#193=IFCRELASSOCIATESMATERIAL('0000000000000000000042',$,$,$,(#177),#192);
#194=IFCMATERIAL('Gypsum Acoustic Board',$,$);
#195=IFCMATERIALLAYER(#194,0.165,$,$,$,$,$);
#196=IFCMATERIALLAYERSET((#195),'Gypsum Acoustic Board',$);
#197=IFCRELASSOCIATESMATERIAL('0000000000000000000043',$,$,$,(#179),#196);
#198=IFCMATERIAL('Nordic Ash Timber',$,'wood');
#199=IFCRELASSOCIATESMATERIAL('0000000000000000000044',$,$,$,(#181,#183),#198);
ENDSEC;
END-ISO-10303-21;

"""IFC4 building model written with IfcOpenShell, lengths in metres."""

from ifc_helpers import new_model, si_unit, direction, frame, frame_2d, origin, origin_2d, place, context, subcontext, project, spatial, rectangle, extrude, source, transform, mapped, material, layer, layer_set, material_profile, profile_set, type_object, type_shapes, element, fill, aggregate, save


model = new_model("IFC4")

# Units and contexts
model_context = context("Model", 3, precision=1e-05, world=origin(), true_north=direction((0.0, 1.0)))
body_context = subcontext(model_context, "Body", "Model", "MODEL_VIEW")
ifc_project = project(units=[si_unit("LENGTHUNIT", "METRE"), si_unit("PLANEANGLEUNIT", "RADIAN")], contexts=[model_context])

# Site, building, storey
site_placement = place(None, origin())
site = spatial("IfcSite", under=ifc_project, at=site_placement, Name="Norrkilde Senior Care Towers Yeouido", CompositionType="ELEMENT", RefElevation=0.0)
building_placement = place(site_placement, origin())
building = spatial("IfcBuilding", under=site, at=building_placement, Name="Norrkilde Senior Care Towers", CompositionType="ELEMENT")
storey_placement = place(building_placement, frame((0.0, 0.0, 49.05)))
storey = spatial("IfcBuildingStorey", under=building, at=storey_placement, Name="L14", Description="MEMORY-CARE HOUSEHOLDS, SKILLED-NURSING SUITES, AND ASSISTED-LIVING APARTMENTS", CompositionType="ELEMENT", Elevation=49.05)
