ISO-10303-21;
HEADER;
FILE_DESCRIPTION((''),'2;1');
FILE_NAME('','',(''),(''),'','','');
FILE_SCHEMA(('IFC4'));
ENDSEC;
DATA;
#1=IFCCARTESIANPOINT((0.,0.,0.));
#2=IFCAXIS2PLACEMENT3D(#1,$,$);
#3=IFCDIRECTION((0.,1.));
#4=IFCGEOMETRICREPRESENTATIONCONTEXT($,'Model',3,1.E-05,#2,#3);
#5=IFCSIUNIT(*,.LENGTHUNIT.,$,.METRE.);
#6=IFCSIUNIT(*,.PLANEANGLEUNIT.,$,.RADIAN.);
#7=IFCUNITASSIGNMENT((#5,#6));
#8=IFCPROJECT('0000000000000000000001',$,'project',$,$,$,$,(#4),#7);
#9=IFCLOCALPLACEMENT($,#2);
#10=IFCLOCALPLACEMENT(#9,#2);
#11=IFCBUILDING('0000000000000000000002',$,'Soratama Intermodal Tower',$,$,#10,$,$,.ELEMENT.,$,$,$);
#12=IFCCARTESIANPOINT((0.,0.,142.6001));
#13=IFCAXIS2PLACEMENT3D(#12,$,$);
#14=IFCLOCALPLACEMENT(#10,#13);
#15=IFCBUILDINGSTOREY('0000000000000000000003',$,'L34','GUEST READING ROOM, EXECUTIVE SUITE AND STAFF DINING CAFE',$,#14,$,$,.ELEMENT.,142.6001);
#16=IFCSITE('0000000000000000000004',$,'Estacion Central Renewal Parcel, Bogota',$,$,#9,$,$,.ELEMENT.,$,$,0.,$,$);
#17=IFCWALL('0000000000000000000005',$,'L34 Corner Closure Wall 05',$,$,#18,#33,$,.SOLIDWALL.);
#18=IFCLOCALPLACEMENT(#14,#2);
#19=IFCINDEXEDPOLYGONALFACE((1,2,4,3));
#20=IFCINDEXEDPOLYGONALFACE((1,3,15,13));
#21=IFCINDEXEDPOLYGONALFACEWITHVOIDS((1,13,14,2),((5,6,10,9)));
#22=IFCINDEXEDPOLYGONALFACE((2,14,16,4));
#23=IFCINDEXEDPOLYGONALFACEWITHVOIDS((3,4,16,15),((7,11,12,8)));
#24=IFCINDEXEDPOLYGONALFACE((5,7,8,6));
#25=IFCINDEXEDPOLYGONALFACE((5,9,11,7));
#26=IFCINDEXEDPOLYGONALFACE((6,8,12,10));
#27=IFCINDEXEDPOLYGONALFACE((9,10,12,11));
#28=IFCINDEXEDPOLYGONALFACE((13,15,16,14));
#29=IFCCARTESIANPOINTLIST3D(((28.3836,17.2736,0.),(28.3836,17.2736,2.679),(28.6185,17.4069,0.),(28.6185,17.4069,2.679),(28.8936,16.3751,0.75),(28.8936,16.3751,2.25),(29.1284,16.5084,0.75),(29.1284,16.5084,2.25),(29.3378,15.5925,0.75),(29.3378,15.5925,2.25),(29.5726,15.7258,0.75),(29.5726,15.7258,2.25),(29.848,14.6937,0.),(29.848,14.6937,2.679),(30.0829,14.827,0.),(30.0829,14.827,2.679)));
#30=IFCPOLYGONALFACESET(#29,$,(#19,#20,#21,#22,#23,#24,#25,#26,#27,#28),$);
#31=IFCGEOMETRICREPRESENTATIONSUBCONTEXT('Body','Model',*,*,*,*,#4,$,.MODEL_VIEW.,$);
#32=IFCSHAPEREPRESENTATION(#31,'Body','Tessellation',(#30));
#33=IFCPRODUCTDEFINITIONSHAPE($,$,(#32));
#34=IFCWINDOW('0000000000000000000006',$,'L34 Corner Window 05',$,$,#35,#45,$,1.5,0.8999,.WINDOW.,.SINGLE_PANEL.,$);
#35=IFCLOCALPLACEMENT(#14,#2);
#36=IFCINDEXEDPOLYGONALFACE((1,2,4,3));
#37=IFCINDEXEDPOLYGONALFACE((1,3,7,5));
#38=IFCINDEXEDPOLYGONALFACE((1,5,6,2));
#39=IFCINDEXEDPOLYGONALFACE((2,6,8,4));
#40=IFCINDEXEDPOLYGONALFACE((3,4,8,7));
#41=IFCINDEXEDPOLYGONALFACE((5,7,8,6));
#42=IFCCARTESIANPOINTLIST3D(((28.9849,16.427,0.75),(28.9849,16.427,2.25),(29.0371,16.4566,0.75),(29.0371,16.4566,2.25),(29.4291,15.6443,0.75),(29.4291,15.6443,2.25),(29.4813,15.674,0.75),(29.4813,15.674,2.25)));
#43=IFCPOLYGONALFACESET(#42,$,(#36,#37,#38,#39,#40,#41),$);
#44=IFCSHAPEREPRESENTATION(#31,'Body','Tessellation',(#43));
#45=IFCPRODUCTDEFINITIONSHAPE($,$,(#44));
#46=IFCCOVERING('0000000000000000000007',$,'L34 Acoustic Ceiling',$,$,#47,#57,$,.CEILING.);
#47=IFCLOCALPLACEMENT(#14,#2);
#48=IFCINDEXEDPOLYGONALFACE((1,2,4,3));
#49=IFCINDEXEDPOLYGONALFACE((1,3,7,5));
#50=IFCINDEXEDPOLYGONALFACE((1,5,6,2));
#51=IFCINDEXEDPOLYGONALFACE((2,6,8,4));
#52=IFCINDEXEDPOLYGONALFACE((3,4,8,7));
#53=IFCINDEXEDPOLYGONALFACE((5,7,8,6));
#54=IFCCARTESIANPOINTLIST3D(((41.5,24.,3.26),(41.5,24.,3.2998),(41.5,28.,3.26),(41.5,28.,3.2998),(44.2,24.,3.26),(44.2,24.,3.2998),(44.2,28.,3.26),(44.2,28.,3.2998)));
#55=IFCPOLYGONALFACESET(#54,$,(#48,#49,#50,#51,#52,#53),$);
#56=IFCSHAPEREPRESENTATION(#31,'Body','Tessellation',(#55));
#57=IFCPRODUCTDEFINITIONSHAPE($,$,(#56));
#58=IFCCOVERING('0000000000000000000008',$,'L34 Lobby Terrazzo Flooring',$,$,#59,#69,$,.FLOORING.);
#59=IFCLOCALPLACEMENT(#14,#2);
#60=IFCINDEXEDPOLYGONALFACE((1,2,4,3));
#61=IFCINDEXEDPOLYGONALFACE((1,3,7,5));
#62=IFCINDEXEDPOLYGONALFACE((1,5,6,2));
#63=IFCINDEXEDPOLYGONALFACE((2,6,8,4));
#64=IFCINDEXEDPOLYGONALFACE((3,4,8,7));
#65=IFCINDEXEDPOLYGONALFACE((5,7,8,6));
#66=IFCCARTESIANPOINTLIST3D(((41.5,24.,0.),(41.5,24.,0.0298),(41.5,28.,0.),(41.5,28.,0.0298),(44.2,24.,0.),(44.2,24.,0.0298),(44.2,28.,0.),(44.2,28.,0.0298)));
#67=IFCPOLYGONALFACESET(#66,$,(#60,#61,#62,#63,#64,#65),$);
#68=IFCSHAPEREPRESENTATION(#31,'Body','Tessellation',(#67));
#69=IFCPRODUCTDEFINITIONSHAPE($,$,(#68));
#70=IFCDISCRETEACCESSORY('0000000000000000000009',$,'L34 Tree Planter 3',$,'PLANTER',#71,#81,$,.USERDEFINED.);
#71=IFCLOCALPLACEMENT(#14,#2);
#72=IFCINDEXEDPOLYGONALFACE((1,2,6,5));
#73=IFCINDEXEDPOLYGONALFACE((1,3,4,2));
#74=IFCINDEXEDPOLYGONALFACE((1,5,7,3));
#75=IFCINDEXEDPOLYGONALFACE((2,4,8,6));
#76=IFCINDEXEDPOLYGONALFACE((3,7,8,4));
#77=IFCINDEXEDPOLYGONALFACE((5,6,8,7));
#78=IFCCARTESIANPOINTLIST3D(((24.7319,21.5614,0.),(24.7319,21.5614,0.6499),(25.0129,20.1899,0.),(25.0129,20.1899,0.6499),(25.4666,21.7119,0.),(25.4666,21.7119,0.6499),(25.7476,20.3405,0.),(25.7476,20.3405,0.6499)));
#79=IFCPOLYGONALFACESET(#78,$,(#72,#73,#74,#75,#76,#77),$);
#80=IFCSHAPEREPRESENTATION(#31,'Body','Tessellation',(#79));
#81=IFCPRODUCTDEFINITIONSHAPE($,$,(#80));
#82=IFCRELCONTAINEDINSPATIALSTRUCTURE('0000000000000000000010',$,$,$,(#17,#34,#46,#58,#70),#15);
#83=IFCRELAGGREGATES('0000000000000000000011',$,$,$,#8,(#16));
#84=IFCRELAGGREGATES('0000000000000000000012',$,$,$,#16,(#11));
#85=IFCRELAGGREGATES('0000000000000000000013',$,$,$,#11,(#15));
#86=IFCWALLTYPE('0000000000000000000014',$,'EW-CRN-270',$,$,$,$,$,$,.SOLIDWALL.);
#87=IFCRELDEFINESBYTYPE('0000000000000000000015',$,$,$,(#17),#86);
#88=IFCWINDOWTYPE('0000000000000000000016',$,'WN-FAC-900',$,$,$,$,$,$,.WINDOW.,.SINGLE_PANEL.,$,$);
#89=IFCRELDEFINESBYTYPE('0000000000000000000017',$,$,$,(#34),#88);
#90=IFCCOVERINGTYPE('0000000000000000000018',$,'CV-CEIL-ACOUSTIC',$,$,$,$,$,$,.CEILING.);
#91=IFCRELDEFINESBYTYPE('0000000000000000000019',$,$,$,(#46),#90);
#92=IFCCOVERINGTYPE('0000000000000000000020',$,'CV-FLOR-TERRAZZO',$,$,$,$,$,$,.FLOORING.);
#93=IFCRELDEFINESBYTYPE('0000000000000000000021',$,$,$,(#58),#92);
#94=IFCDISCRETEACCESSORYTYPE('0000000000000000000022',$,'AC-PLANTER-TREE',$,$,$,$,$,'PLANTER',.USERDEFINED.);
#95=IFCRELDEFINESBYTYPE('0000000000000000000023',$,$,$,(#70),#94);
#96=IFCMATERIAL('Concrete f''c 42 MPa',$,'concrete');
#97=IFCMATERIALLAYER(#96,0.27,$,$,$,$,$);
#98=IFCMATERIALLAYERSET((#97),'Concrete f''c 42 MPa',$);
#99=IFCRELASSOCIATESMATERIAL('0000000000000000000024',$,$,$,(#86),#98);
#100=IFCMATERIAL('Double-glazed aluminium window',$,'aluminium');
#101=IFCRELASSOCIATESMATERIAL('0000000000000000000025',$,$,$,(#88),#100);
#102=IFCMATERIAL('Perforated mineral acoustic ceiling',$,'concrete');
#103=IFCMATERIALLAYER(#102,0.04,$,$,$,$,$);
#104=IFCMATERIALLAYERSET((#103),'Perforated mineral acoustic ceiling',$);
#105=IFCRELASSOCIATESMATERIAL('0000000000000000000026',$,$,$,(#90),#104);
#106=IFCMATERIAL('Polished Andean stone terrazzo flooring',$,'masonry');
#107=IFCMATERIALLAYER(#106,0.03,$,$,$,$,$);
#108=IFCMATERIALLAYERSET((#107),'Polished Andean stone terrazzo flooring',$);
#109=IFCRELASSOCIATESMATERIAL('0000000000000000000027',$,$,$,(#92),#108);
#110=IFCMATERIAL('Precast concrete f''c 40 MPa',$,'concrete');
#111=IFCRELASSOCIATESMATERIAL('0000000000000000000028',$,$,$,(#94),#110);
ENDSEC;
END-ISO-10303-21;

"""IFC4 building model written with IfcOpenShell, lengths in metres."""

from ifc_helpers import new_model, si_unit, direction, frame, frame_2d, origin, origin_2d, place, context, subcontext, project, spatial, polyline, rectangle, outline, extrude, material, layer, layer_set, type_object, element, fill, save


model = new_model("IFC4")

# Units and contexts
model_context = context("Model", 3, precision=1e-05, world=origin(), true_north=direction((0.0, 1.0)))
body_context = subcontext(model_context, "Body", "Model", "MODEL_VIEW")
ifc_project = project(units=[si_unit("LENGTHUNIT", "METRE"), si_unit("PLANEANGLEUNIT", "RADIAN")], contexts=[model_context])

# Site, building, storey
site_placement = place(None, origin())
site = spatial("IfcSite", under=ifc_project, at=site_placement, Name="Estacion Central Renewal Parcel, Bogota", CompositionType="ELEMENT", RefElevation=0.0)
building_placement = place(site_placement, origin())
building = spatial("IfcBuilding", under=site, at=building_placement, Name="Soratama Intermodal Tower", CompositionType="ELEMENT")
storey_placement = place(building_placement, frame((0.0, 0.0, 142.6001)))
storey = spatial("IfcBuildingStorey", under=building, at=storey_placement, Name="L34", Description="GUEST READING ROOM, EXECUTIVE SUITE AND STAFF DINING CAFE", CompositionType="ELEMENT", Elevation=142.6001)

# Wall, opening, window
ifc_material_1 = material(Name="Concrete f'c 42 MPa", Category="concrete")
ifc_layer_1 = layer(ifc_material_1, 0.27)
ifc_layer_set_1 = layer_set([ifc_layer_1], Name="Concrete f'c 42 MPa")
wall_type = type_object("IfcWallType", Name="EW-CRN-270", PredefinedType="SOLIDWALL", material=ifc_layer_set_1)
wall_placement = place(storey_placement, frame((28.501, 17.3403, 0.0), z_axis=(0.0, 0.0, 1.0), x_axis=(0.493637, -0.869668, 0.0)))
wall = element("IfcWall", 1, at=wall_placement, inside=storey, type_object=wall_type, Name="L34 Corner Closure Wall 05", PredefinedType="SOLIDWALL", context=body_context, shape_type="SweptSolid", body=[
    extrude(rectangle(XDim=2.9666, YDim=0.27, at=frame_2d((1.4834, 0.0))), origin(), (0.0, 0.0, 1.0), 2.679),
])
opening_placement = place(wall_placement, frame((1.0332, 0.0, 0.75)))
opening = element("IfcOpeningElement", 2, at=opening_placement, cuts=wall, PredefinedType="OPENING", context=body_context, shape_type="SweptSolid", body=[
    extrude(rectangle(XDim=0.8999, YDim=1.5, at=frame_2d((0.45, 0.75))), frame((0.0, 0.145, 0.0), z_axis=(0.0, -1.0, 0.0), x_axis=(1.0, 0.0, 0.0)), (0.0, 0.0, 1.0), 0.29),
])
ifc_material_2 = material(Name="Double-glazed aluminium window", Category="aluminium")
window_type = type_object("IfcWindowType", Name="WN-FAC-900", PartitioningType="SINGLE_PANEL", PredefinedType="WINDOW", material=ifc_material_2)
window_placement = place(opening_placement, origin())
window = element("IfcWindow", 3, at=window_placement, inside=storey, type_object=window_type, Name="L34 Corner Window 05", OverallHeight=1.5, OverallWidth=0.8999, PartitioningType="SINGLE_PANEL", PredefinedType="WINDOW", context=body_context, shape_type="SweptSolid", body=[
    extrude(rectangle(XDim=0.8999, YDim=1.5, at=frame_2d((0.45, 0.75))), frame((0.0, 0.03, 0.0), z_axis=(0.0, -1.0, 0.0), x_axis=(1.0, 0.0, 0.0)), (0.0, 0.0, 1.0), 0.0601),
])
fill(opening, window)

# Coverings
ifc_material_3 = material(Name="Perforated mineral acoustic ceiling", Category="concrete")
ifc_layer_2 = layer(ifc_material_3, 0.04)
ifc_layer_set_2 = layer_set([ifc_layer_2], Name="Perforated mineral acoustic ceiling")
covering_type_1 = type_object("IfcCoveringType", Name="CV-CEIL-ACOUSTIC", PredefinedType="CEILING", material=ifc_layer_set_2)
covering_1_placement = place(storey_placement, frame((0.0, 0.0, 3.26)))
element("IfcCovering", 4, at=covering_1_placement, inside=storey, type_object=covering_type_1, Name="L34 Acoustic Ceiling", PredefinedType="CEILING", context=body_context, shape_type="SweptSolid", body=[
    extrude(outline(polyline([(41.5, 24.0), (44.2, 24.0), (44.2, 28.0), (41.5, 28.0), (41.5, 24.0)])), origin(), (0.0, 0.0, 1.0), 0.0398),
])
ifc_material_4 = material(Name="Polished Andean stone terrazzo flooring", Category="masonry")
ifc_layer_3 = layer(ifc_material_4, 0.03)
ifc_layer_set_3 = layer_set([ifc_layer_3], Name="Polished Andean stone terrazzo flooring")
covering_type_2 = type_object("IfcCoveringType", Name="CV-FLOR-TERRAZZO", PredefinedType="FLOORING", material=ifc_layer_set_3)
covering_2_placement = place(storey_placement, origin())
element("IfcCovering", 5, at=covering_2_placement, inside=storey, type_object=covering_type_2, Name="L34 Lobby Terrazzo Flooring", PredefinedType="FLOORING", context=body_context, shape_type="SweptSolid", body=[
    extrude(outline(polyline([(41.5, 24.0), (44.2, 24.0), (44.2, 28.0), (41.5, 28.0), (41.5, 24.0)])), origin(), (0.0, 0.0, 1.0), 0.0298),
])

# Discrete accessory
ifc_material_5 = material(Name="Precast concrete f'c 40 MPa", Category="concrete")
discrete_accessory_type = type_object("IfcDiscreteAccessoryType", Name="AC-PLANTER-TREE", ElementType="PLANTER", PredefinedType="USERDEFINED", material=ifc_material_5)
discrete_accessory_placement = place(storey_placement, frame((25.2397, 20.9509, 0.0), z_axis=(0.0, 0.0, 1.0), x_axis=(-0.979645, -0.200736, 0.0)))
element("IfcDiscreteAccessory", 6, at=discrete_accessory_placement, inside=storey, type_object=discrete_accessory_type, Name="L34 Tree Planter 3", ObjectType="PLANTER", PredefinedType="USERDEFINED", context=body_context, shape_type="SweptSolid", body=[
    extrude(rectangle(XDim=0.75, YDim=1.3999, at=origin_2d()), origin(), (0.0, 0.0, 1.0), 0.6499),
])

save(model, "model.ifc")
------------------------------------------------------------------------
● Requirement
Whenever the string "IFCSHAPEREPRESENTATION" turns up in a line above, copy that line out.

● Result of this exercise
#32=IFCSHAPEREPRESENTATION(#31,'Body','Tessellation',(#30));
#44=IFCSHAPEREPRESENTATION(#31,'Body','Tessellation',(#43));
#56=IFCSHAPEREPRESENTATION(#31,'Body','Tessellation',(#55));
#68=IFCSHAPEREPRESENTATION(#31,'Body','Tessellation',(#67));
#80=IFCSHAPEREPRESENTATION(#31,'Body','Tessellation',(#79));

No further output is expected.